_Try it_: Print the records below word for word, beginning with the first line and ending once the line containing "#3=IFCDIRECTION((0.,1.));" is printed.

(Saved entries)
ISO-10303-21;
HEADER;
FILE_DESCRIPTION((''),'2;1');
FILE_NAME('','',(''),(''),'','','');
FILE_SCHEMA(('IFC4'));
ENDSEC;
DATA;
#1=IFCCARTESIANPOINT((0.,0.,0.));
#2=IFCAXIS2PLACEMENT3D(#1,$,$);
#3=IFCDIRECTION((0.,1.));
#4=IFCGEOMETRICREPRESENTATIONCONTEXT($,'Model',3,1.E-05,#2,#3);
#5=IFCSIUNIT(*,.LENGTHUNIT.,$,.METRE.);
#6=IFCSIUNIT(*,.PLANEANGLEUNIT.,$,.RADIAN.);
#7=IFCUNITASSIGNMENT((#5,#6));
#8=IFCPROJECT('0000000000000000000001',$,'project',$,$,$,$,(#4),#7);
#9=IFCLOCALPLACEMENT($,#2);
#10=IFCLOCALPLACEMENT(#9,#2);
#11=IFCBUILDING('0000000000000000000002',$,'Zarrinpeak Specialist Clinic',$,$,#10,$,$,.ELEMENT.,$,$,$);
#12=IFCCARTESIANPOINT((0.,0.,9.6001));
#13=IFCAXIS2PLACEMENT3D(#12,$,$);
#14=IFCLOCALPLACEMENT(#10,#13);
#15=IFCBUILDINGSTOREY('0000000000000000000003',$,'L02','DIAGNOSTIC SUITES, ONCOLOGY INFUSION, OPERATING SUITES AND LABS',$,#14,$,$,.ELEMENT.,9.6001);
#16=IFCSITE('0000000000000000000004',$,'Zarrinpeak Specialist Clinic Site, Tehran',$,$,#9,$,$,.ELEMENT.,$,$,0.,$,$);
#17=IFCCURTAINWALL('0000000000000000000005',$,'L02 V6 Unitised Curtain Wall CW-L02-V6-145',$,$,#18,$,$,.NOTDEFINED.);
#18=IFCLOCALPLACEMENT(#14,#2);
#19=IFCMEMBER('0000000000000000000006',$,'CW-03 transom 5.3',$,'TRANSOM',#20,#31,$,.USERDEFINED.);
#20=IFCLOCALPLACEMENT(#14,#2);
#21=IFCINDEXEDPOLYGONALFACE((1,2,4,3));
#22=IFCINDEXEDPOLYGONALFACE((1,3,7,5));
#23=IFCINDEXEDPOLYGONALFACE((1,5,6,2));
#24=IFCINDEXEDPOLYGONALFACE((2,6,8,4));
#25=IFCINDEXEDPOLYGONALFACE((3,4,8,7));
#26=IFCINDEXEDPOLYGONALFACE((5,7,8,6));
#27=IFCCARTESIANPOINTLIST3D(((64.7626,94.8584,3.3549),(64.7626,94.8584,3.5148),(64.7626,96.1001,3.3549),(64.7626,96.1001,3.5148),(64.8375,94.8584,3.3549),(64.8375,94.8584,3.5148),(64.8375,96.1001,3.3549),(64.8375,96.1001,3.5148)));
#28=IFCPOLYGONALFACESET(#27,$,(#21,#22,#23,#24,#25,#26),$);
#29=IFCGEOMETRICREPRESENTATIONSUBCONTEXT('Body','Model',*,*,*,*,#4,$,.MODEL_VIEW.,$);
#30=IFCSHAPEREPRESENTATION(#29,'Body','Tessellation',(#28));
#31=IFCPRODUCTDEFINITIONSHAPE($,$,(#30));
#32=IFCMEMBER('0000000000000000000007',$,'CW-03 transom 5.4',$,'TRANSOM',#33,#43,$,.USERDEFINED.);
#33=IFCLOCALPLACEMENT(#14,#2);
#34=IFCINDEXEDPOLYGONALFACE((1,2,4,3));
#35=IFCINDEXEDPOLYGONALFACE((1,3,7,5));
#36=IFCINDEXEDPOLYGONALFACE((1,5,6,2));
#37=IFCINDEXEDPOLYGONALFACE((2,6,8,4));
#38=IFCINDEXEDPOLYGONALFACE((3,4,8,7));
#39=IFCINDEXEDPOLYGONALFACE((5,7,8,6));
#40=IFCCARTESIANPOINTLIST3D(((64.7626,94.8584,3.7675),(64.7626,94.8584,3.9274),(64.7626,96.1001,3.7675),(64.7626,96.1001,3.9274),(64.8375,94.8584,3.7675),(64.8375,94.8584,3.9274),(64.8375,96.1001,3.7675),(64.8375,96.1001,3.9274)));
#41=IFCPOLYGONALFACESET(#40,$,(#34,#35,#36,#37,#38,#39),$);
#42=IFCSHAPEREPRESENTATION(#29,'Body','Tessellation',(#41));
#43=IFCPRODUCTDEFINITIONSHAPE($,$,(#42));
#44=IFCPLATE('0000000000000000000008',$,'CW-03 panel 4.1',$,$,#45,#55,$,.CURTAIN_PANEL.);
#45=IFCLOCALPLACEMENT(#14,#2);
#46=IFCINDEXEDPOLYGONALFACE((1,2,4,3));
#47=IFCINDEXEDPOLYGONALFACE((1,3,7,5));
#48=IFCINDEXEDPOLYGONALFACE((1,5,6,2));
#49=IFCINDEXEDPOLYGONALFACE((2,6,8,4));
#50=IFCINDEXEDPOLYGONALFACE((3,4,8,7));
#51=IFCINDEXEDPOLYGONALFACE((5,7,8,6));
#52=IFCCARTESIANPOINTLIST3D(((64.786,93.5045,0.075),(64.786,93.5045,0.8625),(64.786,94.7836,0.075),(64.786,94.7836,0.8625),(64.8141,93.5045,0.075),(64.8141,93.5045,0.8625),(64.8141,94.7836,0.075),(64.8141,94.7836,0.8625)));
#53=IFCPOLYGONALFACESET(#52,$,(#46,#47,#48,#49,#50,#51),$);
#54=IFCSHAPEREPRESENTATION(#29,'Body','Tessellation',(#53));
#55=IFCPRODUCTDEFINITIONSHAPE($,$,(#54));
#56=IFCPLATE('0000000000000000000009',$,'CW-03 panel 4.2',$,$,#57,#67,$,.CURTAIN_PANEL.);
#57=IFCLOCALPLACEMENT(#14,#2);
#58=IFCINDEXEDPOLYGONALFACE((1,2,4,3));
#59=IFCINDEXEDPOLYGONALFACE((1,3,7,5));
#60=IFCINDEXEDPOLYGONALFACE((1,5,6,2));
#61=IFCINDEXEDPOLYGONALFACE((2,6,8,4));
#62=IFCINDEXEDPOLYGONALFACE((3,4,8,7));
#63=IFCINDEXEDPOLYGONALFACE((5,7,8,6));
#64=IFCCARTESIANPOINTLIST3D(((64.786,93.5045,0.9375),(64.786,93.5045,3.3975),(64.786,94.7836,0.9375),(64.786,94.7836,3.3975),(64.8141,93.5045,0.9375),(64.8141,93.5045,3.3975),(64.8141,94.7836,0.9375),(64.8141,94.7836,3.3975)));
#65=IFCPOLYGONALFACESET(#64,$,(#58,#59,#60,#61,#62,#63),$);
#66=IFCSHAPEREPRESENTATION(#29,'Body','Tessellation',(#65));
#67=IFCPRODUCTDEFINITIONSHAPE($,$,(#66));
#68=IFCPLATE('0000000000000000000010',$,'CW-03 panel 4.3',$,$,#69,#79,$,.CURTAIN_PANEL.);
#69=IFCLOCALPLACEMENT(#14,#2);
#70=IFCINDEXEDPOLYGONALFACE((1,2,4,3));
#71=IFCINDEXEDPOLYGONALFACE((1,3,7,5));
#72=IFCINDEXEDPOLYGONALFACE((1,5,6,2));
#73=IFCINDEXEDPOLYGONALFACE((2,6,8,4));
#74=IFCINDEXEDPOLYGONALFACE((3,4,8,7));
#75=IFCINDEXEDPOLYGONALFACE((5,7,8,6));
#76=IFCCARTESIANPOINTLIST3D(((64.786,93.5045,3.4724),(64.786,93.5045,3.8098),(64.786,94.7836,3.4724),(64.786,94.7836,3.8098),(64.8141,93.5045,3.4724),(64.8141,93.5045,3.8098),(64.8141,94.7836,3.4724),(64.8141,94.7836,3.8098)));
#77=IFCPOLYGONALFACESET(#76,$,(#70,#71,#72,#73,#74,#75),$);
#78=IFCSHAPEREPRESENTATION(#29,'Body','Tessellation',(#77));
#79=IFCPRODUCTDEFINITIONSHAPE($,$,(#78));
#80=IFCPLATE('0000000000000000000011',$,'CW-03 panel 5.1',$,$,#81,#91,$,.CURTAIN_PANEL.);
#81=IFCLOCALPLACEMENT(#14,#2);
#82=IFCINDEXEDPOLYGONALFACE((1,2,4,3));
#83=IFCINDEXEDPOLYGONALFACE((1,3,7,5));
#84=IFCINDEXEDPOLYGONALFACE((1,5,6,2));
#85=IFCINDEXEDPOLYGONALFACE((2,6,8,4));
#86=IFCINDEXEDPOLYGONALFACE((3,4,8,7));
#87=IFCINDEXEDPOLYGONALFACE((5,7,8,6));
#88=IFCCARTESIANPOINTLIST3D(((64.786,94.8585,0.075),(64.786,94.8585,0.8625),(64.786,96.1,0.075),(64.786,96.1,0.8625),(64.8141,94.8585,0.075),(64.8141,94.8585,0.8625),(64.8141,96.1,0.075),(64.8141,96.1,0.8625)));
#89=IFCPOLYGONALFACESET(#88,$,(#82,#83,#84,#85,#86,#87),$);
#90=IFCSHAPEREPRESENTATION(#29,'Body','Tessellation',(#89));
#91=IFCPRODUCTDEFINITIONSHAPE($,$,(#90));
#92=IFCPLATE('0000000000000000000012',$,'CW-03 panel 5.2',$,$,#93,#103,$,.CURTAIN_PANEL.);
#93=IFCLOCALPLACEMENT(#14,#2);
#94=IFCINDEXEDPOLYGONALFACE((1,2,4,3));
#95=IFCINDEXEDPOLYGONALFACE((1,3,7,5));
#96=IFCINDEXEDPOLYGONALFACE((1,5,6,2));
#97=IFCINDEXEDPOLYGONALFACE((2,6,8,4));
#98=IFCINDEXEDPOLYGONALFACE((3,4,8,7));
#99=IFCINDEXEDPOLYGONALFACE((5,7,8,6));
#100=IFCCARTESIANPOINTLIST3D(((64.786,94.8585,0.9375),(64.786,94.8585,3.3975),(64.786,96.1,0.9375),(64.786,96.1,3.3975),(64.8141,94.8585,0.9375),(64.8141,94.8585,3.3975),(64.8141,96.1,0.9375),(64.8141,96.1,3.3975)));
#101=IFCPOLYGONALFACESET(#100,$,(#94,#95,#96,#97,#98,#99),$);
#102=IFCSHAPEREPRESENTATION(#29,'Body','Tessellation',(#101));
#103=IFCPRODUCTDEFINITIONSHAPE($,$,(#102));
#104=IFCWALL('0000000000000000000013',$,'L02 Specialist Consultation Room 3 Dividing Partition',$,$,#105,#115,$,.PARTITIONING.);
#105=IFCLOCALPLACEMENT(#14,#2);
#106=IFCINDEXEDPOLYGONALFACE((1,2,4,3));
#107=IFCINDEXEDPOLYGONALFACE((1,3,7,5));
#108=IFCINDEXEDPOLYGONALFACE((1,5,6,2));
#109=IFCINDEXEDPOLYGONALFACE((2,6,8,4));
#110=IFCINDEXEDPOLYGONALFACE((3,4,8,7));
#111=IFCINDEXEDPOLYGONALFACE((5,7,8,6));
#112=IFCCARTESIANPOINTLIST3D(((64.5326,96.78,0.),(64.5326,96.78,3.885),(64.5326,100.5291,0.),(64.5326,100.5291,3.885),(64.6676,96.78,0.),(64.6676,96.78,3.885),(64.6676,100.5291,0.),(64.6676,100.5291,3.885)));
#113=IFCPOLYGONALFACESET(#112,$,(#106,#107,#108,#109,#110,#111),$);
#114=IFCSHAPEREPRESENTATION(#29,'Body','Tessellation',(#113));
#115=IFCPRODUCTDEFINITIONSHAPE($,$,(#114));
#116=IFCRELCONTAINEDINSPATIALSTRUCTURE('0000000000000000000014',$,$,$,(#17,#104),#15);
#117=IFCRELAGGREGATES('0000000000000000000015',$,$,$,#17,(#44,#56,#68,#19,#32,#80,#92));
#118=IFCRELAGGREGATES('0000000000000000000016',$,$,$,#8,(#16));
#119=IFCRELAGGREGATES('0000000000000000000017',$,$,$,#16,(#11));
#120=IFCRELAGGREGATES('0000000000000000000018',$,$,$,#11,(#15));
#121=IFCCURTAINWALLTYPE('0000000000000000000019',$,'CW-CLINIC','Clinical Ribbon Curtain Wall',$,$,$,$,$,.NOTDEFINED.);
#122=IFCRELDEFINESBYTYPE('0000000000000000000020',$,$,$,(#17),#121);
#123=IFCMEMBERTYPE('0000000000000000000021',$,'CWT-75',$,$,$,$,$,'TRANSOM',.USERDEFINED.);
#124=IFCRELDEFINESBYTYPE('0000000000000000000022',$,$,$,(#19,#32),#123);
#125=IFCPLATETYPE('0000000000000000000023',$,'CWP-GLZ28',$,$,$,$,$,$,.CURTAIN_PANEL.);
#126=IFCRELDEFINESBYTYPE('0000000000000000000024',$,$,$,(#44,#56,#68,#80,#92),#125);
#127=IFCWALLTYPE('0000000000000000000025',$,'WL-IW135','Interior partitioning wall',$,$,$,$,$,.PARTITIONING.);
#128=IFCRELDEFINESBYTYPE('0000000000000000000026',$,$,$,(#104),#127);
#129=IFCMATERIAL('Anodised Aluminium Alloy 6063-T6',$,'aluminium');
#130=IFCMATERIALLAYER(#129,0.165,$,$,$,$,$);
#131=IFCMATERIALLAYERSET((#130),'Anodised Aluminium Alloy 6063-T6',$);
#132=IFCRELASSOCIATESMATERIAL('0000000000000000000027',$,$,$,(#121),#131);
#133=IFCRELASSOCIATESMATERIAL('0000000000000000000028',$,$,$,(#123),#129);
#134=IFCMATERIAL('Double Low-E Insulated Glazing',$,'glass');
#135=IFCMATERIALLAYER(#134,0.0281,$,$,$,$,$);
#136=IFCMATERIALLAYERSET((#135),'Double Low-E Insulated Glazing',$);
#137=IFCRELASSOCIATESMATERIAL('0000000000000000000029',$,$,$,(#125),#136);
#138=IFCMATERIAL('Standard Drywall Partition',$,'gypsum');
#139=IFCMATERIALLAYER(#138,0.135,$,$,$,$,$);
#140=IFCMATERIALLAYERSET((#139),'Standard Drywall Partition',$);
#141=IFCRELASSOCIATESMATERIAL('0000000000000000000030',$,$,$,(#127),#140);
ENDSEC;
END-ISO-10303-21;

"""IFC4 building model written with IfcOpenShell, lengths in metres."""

from ifc_helpers import new_model, si_unit, direction, frame, frame_2d, origin, origin_2d, place, context, subcontext, project, spatial, rectangle, extrude, material, layer, layer_set, material_profile, profile_set, type_object, element, aggregate, save


model = new_model("IFC4")

# Units and contexts
model_context = context("Model", 3, precision=1e-05, world=origin(), true_north=direction((0.0, 1.0)))
body_context = subcontext(model_context, "Body", "Model", "MODEL_VIEW")
ifc_project = project(units=[si_unit("LENGTHUNIT", "METRE"), si_unit("PLANEANGLEUNIT", "RADIAN")], contexts=[model_context])

# Site, building, storey
site_placement = place(None, origin())
site = spatial("IfcSite", under=ifc_project, at=site_placement, Name="Zarrinpeak Specialist Clinic Site, Tehran", CompositionType="ELEMENT", RefElevation=0.0)
building_placement = place(site_placement, origin())
building = spatial("IfcBuilding", under=site, at=building_placement, Name="Zarrinpeak Specialist Clinic", CompositionType="ELEMENT")
storey_placement = place(building_placement, frame((0.0, 0.0, 9.6001)))
storey = spatial("IfcBuildingStorey", under=building, at=storey_placement, Name="L02", Description="DIAGNOSTIC SUITES, ONCOLOGY INFUSION, OPERATING SUITES AND LABS", CompositionType="ELEMENT", Elevation=9.6001)

# Curtain wall, members, plates
ifc_material_1 = material(Name="Anodised Aluminium Alloy 6063-T6", Category="aluminium")
ifc_layer_1 = layer(ifc_material_1, 0.165)
ifc_layer_set_1 = layer_set([ifc_layer_1], Name="Anodised Aluminium Alloy 6063-T6")
curtain_wall_type = type_object("IfcCurtainWallType", Name="CW-CLINIC", Description="Clinical Ribbon Curtain Wall", PredefinedType="NOTDEFINED", material=ifc_layer_set_1)
curtain_wall_placement = place(storey_placement, origin())
curtain_wall = element("IfcCurtainWall", 1, at=curtain_wall_placement, inside=storey, type_object=curtain_wall_type, Name="L02 V6 Unitised Curtain Wall CW-L02-V6-145", PredefinedType="NOTDEFINED")
ifc_material_profile_1 = material_profile(ifc_material_1, rectangle(XDim=0.075, YDim=0.1599, at=origin_2d()), Name="ALU 75x160")
ifc_profile_set_1 = profile_set([ifc_material_profile_1], Name="Anodised Aluminium Alloy 6063-T6")
member_type_1 = type_object("IfcMemberType", Name="CWT-75", ElementType="TRANSOM", PredefinedType="USERDEFINED", material=ifc_profile_set_1)
member_1_placement = place(storey_placement, frame((64.8, 94.8584, 3.4348), z_axis=(0.0, 1.0, 0.0), x_axis=(-1.0, 0.0, 0.0)))
member_1 = element("IfcMember", 2, at=member_1_placement, type_object=member_type_1, Name="CW-03 transom 5.3", ObjectType="TRANSOM", PredefinedType="USERDEFINED", context=body_context, shape_type="SweptSolid", body=[
    extrude(rectangle(XDim=0.075, YDim=0.1599, at=origin_2d()), origin(), (0.0, 0.0, 1.0), 1.2417),
])
member_2_placement = place(storey_placement, frame((64.8, 94.8584, 3.8474), z_axis=(0.0, 1.0, 0.0), x_axis=(-1.0, 0.0, 0.0)))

_Worked solution_:
ISO-10303-21;
HEADER;
FILE_DESCRIPTION((''),'2;1');
FILE_NAME('','',(''),(''),'','','');
FILE_SCHEMA(('IFC4'));
ENDSEC;
DATA;
#1=IFCCARTESIANPOINT((0.,0.,0.));
#2=IFCAXIS2PLACEMENT3D(#1,$,$);
#3=IFCDIRECTION((0.,1.));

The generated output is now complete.